# Exercise:
Write out every line exactly, from the first line of the records below through the line that contains "#29=IFCINDEXEDPOLYGONALFACE((14,16,20,18));".

★ ★ ★

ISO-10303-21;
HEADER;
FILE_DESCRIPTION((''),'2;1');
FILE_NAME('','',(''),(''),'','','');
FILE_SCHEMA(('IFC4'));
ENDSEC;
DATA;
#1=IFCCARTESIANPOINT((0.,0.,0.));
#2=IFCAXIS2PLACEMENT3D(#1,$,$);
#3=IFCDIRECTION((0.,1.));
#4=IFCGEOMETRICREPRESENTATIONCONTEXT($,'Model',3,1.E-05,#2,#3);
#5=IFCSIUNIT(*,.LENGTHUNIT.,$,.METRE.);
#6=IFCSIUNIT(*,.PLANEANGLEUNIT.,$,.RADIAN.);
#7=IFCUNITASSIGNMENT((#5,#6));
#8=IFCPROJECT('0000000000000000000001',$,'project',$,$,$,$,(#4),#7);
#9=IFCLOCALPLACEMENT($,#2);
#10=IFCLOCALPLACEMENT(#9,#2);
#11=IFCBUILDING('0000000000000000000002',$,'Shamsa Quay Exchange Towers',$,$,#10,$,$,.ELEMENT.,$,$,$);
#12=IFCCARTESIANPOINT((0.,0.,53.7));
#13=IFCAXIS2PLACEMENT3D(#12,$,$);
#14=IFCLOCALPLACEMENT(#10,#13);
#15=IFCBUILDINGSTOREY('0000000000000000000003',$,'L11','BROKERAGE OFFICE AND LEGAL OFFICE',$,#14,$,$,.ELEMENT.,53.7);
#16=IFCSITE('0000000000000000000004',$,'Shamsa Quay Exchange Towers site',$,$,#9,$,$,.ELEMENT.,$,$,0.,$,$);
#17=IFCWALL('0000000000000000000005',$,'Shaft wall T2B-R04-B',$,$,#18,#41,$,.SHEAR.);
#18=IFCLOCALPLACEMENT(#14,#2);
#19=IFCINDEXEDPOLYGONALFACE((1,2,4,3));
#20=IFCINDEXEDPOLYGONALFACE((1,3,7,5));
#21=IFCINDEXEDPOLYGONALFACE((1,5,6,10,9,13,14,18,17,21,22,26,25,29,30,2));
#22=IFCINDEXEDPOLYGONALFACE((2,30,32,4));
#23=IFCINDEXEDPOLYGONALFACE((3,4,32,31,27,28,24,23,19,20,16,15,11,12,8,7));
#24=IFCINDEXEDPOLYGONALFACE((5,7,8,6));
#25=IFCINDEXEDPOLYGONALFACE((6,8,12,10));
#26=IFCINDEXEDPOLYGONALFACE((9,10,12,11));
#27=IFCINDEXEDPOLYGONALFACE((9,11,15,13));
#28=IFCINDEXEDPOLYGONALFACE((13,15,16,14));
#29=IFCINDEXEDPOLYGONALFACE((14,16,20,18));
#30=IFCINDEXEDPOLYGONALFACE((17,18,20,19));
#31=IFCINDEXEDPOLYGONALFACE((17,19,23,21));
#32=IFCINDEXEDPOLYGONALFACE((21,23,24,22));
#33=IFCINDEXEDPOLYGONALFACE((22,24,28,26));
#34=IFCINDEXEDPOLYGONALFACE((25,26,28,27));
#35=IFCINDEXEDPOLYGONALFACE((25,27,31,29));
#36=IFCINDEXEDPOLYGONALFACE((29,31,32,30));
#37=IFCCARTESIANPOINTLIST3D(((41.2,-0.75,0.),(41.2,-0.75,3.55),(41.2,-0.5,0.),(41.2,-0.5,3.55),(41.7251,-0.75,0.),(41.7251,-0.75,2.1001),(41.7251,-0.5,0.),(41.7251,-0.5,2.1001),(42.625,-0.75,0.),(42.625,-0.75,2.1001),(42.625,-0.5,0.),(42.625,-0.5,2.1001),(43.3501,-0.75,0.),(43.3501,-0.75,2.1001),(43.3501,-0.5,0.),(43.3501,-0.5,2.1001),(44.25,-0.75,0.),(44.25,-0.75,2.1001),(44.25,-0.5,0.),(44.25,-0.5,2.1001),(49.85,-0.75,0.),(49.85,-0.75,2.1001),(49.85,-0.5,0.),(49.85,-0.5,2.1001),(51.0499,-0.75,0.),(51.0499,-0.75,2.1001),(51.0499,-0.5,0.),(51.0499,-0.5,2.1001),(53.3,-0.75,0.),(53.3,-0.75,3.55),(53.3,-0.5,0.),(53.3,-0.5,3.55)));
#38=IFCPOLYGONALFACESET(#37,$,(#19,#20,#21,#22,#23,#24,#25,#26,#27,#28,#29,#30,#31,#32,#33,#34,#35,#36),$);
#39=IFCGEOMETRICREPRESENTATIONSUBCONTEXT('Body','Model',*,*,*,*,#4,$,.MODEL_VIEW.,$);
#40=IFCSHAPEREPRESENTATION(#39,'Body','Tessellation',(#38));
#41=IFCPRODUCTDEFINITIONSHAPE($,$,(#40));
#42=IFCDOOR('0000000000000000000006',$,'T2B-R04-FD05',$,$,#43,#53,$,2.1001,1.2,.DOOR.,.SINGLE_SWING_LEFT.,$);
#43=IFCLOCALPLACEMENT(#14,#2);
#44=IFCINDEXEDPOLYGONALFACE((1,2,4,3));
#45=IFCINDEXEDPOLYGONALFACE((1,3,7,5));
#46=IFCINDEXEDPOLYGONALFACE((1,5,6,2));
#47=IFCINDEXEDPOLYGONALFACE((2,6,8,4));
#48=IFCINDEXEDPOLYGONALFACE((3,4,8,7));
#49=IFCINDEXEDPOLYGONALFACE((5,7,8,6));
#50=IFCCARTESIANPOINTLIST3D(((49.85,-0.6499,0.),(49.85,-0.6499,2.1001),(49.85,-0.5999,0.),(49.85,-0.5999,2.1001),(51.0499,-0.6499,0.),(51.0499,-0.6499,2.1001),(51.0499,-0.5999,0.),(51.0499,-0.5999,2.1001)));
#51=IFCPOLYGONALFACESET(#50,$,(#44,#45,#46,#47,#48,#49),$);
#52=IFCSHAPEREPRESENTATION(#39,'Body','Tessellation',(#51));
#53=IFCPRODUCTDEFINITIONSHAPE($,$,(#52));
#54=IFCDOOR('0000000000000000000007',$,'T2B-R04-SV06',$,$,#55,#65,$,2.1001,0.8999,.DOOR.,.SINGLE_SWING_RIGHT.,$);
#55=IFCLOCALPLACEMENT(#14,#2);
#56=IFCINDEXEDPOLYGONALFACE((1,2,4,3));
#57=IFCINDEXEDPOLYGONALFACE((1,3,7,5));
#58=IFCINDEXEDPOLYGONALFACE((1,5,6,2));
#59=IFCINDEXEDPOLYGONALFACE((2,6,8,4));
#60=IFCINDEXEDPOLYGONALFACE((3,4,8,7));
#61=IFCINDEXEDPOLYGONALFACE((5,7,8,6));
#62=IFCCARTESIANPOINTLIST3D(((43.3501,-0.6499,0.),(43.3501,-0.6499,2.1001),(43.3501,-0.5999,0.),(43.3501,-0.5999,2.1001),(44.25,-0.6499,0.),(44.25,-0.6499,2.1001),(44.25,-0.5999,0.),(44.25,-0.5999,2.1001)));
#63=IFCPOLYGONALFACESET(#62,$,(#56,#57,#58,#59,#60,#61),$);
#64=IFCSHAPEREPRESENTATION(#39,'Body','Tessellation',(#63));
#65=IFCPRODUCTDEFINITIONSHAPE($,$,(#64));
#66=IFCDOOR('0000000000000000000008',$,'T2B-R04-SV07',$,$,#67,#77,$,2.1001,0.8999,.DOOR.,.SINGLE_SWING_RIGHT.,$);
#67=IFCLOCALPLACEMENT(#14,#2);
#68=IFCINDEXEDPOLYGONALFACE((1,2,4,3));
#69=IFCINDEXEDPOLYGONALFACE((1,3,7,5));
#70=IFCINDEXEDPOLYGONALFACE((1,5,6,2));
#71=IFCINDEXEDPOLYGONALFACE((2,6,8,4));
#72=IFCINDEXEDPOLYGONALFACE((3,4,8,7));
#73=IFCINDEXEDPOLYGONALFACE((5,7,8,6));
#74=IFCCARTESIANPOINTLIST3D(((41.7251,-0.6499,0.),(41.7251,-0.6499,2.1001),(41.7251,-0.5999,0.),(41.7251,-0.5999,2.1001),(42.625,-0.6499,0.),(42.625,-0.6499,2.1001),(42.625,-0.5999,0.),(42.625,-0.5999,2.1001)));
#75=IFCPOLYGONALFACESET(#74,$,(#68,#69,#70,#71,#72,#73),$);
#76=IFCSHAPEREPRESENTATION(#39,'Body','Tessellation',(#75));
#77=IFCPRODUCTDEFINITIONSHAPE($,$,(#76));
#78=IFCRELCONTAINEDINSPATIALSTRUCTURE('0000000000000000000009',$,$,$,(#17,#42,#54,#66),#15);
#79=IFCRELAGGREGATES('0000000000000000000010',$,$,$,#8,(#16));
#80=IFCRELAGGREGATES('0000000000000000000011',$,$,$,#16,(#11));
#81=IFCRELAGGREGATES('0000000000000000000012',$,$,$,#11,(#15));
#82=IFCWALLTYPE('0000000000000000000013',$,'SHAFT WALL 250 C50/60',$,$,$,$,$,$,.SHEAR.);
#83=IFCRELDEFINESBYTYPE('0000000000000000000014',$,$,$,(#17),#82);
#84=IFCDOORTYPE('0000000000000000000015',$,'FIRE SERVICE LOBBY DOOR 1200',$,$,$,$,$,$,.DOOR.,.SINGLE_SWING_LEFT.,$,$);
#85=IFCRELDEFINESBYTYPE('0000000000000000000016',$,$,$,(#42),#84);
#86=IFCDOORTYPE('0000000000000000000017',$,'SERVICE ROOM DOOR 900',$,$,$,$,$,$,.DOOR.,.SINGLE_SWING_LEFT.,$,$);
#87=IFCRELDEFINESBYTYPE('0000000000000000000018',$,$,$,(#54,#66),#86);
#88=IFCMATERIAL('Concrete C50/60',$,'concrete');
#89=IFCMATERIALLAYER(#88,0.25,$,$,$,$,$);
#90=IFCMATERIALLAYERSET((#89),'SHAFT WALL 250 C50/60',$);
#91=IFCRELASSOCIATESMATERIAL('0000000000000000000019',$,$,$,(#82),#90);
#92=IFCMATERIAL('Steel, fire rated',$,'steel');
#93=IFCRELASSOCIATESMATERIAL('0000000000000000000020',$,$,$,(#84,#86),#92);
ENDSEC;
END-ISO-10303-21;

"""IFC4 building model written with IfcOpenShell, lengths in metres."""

from ifc_helpers import new_model, si_unit, direction, frame, frame_2d, origin, place, context, subcontext, project, spatial, rectangle, extrude, material, layer, layer_set, type_object, element, fill, save


model = new_model("IFC4")

# Units and contexts
model_context = context("Model", 3, precision=1e-05, world=origin(), true_north=direction((0.0, 1.0)))
body_context = subcontext(model_context, "Body", "Model", "MODEL_VIEW")
ifc_project = project(units=[si_unit("LENGTHUNIT", "METRE"), si_unit("PLANEANGLEUNIT", "RADIAN")], contexts=[model_context])

# Site, building, storey
site_placement = place(None, origin())
site = spatial("IfcSite", under=ifc_project, at=site_placement, Name="Shamsa Quay Exchange Towers site", CompositionType="ELEMENT", RefElevation=0.0)
building_placement = place(site_placement, origin())
building = spatial("IfcBuilding", under=site, at=building_placement, Name="Shamsa Quay Exchange Towers", CompositionType="ELEMENT")
storey_placement = place(building_placement, frame((0.0, 0.0, 53.7)))
storey = spatial("IfcBuildingStorey", under=building, at=storey_placement, Name="L11", Description="BROKERAGE OFFICE AND LEGAL OFFICE", CompositionType="ELEMENT", Elevation=53.7)

# Shared definitions
ifc_material_1 = material(Name="Steel, fire rated", Category="steel")

# Shared definitions
ifc_material_2 = material(Name="Concrete C50/60", Category="concrete")
ifc_layer_1 = layer(ifc_material_2, 0.25)
ifc_layer_set_1 = layer_set([ifc_layer_1], Name="SHAFT WALL 250 C50/60")
wall_type_1 = type_object("IfcWallType", Name="SHAFT WALL 250 C50/60", PredefinedType="SHEAR", material=ifc_layer_set_1)

# Wall, openings, doors
wall_1_placement = place(storey_placement, frame((53.3, -0.625, 0.0), z_axis=(0.0, 0.0, 1.0), x_axis=(-1.0, 0.0, 0.0)))
wall_1 = element("IfcWall", 1, at=wall_1_placement, inside=storey, type_object=wall_type_1, Name="Shaft wall T2B-R04-B", PredefinedType="SHEAR", context=body_context, shape_type="SweptSolid", body=[
    extrude(rectangle(XDim=12.1001, YDim=0.25, at=frame_2d((6.05, 0.0))), origin(), (0.0, 0.0, 1.0), 3.55),
])
opening_1_placement = place(wall_1_placement, frame((2.25, 0.0, 0.0)))
opening_1 = element("IfcOpeningElement", 2, at=opening_1_placement, cuts=wall_1, PredefinedType="OPENING", context=body_context, shape_type="SweptSolid", body=[
    extrude(rectangle(XDim=1.2, YDim=2.1001, at=frame_2d((0.6001, 1.05))), frame((0.0, 0.135, 0.0), z_axis=(0.0, -1.0, 0.0), x_axis=(1.0, 0.0, 0.0)), (0.0, 0.0, 1.0), 0.27),
])
opening_2_placement = place(wall_1_placement, frame((9.05, 0.0, 0.0)))
opening_2 = element("IfcOpeningElement", 3, at=opening_2_placement, cuts=wall_1, PredefinedType="OPENING", context=body_context, shape_type="SweptSolid", body=[
    extrude(rectangle(XDim=0.8999, YDim=2.1001, at=frame_2d((0.45, 1.05))), frame((0.0, 0.135, 0.0), z_axis=(0.0, -1.0, 0.0), x_axis=(1.0, 0.0, 0.0)), (0.0, 0.0, 1.0), 0.27),
])
opening_3_placement = place(wall_1_placement, frame((10.675, 0.0, 0.0)))
opening_3 = element("IfcOpeningElement", 4, at=opening_3_placement, cuts=wall_1, PredefinedType="OPENING", context=body_context, shape_type="SweptSolid", body=[
    extrude(rectangle(XDim=0.8999, YDim=2.1001, at=frame_2d((0.45, 1.05))), frame((0.0, 0.135, 0.0), z_axis=(0.0, -1.0, 0.0), x_axis=(1.0, 0.0, 0.0)), (0.0, 0.0, 1.0), 0.27),
])
door_type_1 = type_object("IfcDoorType", Name="FIRE SERVICE LOBBY DOOR 1200", OperationType="SINGLE_SWING_LEFT", PredefinedType="DOOR", material=ifc_material_1)
door_1_placement = place(opening_1_placement, origin())
door_1 = element("IfcDoor", 5, at=door_1_placement, inside=storey, type_object=door_type_1, Name="T2B-R04-FD05", OperationType="SINGLE_SWING_LEFT", OverallHeight=2.1001, OverallWidth=1.2, PredefinedType="DOOR", context=body_context, shape_type="SweptSolid", body=[
    extrude(rectangle(XDim=1.2, YDim=2.1001, at=frame_2d((0.6001, 1.05))), frame((0.0, 0.0249, 0.0), z_axis=(0.0, -1.0, 0.0), x_axis=(1.0, 0.0, 0.0)), (0.0, 0.0, 1.0), 0.05),
])
fill(opening_1, door_1)
door_type_2 = type_object("IfcDoorType", Name="SERVICE ROOM DOOR 900", OperationType="SINGLE_SWING_LEFT", PredefinedType="DOOR", material=ifc_material_1)
door_2_placement = place(opening_2_placement, origin())
door_2 = element("IfcDoor", 6, at=door_2_placement, inside=storey, type_object=door_type_2, Name="T2B-R04-SV06", OperationType="SINGLE_SWING_RIGHT", OverallHeight=2.1001, OverallWidth=0.8999, PredefinedType="DOOR", context=body_context, shape_type="SweptSolid", body=[
    extrude(rectangle(XDim=0.8999, YDim=2.1001, at=frame_2d((0.45, 1.05))), frame((0.0, 0.0249, 0.0), z_axis=(0.0, -1.0, 0.0), x_axis=(1.0, 0.0, 0.0)), (0.0, 0.0, 1.0), 0.05),
])
fill(opening_2, door_2)
door_3_placement = place(opening_3_placement, origin())
door_3 = element("IfcDoor", 7, at=door_3_placement, inside=storey, type_object=door_type_2, Name="T2B-R04-SV07", OperationType="SINGLE_SWING_RIGHT", OverallHeight=2.1001, OverallWidth=0.8999, PredefinedType="DOOR", context=body_context, shape_type="SweptSolid", body=[
    extrude(rectangle(XDim=0.8999, YDim=2.1001, at=frame_2d((0.45, 1.05))), frame((0.0, 0.0249, 0.0), z_axis=(0.0, -1.0, 0.0), x_axis=(1.0, 0.0, 0.0)), (0.0, 0.0, 1.0), 0.05),
])
fill(opening_3, door_3)

save(model, "model.ifc")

★ ★ ★

# Written response:
ISO-10303-21;
HEADER;
FILE_DESCRIPTION((''),'2;1');
FILE_NAME('','',(''),(''),'','','');
FILE_SCHEMA(('IFC4'));
ENDSEC;
DATA;
#1=IFCCARTESIANPOINT((0.,0.,0.));
#2=IFCAXIS2PLACEMENT3D(#1,$,$);
#3=IFCDIRECTION((0.,1.));
#4=IFCGEOMETRICREPRESENTATIONCONTEXT($,'Model',3,1.E-05,#2,#3);
#5=IFCSIUNIT(*,.LENGTHUNIT.,$,.METRE.);
#6=IFCSIUNIT(*,.PLANEANGLEUNIT.,$,.RADIAN.);
#7=IFCUNITASSIGNMENT((#5,#6));
#8=IFCPROJECT('0000000000000000000001',$,'project',$,$,$,$,(#4),#7);
#9=IFCLOCALPLACEMENT($,#2);
#10=IFCLOCALPLACEMENT(#9,#2);
#11=IFCBUILDING('0000000000000000000002',$,'Shamsa Quay Exchange Towers',$,$,#10,$,$,.ELEMENT.,$,$,$);
#12=IFCCARTESIANPOINT((0.,0.,53.7));
#13=IFCAXIS2PLACEMENT3D(#12,$,$);
#14=IFCLOCALPLACEMENT(#10,#13);
#15=IFCBUILDINGSTOREY('0000000000000000000003',$,'L11','BROKERAGE OFFICE AND LEGAL OFFICE',$,#14,$,$,.ELEMENT.,53.7);
#16=IFCSITE('0000000000000000000004',$,'Shamsa Quay Exchange Towers site',$,$,#9,$,$,.ELEMENT.,$,$,0.,$,$);
#17=IFCWALL('0000000000000000000005',$,'Shaft wall T2B-R04-B',$,$,#18,#41,$,.SHEAR.);
#18=IFCLOCALPLACEMENT(#14,#2);
#19=IFCINDEXEDPOLYGONALFACE((1,2,4,3));
#20=IFCINDEXEDPOLYGONALFACE((1,3,7,5));
#21=IFCINDEXEDPOLYGONALFACE((1,5,6,10,9,13,14,18,17,21,22,26,25,29,30,2));
#22=IFCINDEXEDPOLYGONALFACE((2,30,32,4));
#23=IFCINDEXEDPOLYGONALFACE((3,4,32,31,27,28,24,23,19,20,16,15,11,12,8,7));
#24=IFCINDEXEDPOLYGONALFACE((5,7,8,6));
#25=IFCINDEXEDPOLYGONALFACE((6,8,12,10));
#26=IFCINDEXEDPOLYGONALFACE((9,10,12,11));
#27=IFCINDEXEDPOLYGONALFACE((9,11,15,13));
#28=IFCINDEXEDPOLYGONALFACE((13,15,16,14));
#29=IFCINDEXEDPOLYGONALFACE((14,16,20,18));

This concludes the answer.